## ACTIVITY
Reproduce each line of the entries that carries "twin".
_ _ _ _ _ _ _
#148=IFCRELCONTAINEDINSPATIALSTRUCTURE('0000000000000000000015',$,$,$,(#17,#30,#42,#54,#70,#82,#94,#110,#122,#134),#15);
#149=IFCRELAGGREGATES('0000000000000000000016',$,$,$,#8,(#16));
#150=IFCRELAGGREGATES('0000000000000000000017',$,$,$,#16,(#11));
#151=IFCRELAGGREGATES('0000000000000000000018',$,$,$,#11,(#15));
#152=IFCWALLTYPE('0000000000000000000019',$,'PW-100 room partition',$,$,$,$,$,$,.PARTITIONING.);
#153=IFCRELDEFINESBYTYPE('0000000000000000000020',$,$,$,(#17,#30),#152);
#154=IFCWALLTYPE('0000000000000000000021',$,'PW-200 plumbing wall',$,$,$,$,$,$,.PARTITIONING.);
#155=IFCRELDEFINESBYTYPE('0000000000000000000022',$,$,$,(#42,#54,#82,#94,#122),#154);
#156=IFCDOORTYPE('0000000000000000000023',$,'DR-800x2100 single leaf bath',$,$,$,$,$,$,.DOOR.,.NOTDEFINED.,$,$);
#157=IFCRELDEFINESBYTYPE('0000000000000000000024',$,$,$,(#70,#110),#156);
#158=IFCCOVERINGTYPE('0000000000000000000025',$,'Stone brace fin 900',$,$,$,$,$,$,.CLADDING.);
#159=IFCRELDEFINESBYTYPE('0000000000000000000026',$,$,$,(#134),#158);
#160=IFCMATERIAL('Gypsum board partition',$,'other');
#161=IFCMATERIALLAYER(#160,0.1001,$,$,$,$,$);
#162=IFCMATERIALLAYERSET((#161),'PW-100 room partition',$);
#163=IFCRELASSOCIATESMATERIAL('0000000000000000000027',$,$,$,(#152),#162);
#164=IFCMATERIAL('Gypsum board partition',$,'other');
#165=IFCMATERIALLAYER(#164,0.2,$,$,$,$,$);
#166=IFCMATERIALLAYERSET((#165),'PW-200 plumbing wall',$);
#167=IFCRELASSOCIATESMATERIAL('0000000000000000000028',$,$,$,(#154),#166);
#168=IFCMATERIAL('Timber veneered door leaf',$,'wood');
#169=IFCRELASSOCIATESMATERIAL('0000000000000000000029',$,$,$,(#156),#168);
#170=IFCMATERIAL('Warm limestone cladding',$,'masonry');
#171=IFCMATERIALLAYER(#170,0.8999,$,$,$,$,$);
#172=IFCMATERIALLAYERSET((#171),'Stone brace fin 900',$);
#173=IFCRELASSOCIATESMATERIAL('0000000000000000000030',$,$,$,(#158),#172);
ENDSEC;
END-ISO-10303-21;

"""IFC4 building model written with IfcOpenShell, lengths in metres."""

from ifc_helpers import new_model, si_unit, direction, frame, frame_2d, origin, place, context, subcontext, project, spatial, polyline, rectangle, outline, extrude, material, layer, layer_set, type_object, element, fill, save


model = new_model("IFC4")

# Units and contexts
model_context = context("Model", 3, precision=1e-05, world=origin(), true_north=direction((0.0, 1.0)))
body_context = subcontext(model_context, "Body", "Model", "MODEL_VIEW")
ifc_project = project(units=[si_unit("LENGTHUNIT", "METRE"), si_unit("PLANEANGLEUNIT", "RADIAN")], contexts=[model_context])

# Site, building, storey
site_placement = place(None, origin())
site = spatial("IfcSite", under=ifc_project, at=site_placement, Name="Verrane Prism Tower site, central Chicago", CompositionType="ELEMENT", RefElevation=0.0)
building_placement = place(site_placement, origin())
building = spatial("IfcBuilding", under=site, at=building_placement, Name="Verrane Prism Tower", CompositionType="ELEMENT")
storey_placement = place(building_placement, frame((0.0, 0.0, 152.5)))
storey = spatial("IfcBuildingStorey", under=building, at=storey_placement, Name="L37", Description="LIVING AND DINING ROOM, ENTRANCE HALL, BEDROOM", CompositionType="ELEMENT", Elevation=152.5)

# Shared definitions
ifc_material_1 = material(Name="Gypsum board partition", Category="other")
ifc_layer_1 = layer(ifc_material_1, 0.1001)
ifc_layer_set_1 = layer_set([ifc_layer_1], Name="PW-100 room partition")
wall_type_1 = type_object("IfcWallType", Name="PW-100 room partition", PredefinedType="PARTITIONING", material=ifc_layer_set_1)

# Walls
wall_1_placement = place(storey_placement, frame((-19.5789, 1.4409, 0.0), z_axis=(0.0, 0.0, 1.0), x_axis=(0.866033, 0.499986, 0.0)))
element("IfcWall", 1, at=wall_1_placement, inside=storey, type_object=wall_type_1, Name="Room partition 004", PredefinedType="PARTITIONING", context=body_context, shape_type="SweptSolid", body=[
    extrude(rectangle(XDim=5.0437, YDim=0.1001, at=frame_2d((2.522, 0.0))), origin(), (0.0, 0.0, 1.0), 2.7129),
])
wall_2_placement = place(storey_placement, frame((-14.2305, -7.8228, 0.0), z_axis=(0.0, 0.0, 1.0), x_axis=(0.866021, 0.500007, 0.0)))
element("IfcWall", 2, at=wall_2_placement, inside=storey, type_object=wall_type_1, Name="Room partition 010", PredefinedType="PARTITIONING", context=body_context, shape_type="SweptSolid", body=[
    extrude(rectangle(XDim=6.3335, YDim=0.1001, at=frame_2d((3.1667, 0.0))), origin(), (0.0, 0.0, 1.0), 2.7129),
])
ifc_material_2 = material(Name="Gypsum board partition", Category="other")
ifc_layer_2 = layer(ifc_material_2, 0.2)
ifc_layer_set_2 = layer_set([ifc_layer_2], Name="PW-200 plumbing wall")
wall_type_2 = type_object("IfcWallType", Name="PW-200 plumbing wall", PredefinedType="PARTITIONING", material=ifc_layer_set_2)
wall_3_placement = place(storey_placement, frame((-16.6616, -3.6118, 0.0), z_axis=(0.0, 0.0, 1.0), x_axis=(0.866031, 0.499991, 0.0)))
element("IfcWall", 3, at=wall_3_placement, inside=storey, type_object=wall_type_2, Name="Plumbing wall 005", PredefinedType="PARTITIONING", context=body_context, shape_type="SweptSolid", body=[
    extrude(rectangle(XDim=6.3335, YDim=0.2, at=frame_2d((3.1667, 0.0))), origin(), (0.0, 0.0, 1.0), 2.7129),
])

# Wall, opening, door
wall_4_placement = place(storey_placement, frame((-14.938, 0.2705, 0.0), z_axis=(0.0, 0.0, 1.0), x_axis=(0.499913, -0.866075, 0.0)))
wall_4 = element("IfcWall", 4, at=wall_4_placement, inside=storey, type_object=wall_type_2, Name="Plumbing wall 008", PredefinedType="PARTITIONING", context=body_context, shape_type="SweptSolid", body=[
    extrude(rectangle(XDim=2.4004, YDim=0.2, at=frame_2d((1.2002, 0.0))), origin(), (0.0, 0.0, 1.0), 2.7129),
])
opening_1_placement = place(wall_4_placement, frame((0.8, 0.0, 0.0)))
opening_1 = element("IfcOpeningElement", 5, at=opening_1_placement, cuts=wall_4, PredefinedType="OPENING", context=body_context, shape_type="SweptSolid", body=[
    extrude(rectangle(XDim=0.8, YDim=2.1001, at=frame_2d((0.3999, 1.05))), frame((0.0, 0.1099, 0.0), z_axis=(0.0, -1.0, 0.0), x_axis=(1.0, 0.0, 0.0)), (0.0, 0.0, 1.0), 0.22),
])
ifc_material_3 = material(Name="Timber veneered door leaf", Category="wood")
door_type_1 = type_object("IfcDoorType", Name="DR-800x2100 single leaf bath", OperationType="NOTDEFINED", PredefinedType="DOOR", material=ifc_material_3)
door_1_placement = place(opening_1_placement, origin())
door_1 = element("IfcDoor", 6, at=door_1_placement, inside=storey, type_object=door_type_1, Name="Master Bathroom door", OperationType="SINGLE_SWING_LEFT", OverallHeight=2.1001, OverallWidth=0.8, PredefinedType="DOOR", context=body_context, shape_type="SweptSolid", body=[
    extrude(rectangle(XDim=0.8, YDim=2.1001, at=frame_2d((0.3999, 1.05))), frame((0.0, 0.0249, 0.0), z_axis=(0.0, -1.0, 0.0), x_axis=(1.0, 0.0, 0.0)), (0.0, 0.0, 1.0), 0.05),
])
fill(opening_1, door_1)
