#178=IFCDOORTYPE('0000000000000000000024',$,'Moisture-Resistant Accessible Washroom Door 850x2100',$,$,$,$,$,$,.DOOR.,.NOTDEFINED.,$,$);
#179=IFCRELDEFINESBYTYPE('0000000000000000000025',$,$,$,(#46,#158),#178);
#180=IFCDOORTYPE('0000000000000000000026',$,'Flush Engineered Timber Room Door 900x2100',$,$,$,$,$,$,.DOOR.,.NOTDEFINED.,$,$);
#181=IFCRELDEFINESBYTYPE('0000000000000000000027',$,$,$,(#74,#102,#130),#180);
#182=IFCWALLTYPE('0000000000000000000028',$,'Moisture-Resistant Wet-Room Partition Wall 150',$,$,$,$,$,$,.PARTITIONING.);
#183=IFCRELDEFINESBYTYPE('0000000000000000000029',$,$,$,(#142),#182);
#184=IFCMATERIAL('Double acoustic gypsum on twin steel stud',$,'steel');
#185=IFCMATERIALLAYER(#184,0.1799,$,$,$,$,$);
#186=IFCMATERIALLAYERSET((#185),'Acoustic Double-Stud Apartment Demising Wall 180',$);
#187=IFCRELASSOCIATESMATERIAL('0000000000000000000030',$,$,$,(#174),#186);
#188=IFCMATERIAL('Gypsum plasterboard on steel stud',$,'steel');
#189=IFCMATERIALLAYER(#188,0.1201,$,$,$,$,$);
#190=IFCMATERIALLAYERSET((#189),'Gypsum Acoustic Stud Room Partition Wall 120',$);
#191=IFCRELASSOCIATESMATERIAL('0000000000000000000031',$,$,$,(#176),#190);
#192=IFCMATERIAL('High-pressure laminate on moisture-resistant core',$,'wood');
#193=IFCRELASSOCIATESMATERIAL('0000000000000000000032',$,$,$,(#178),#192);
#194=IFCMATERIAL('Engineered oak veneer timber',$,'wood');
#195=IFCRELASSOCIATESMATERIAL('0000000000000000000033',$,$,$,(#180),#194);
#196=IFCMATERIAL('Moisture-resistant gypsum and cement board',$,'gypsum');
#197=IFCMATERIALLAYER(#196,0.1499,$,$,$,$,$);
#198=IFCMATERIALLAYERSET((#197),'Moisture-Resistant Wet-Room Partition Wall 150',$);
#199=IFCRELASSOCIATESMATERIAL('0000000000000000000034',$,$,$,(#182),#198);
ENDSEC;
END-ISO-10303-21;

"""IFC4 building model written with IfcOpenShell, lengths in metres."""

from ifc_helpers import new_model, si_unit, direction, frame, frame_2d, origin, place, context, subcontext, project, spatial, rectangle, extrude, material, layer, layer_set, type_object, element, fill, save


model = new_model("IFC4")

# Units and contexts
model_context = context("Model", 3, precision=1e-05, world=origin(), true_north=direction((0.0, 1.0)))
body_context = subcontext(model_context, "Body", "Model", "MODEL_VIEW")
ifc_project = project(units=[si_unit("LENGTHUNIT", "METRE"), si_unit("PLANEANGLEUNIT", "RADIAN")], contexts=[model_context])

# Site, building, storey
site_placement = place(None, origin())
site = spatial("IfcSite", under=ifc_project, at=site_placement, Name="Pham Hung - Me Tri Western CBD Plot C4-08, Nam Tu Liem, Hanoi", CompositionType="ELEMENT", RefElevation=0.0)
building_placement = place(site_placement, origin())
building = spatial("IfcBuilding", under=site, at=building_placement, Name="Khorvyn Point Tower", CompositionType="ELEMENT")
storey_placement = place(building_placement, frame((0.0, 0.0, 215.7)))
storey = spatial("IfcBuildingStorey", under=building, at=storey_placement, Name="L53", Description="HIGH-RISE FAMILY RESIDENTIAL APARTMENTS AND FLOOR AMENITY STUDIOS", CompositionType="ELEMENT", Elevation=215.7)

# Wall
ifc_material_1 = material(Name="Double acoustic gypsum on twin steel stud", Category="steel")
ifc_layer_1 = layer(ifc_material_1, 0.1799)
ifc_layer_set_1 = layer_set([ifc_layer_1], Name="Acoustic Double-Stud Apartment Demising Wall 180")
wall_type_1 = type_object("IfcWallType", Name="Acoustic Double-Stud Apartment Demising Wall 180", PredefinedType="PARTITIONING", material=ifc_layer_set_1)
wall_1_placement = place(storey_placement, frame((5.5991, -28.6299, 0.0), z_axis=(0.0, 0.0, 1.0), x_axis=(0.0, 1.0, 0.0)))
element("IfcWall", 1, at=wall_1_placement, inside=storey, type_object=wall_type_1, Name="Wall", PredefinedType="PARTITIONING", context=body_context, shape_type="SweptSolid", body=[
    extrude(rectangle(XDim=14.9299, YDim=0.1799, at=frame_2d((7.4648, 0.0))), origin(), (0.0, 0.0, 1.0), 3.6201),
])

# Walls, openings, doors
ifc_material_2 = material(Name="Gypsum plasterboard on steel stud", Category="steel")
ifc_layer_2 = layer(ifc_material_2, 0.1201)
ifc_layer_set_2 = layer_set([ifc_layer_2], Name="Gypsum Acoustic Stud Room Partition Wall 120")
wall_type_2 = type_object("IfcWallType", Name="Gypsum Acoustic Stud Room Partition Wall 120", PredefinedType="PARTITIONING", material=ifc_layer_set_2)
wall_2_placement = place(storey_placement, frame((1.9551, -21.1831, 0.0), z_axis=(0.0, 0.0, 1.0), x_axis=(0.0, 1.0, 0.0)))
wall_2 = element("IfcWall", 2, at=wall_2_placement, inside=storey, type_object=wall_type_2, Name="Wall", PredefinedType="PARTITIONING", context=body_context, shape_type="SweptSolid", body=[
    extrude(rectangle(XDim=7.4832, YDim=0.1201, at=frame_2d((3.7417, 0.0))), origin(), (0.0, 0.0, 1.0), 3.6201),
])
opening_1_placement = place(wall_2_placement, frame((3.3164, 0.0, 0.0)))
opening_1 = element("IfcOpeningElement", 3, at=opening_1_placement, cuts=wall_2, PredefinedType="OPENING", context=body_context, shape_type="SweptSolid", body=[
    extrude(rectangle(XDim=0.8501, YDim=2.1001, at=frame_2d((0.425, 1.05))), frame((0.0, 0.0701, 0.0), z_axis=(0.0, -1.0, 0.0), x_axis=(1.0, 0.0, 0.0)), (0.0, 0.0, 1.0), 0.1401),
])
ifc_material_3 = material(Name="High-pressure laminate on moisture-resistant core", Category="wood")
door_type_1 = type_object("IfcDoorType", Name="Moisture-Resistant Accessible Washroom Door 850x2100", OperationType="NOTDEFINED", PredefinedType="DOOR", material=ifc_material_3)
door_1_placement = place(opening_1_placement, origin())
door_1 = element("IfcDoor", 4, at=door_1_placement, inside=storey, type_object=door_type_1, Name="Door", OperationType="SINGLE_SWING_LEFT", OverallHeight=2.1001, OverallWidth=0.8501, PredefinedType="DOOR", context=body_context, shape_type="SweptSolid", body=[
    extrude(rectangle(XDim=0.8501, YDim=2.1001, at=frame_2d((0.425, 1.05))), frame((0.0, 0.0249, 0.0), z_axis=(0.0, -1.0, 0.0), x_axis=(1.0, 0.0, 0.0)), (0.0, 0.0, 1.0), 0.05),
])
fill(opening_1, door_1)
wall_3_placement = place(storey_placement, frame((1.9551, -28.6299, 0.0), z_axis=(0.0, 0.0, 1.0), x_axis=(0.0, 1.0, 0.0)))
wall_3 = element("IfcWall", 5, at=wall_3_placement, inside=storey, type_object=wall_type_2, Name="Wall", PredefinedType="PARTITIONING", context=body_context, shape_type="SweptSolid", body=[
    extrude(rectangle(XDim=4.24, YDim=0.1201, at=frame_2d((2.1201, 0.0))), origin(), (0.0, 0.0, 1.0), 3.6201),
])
_ _ _ _ _ _ _
## FINISHED TASK
#184=IFCMATERIAL('Double acoustic gypsum on twin steel stud',$,'steel');
ifc_material_1 = material(Name="Double acoustic gypsum on twin steel stud", Category="steel")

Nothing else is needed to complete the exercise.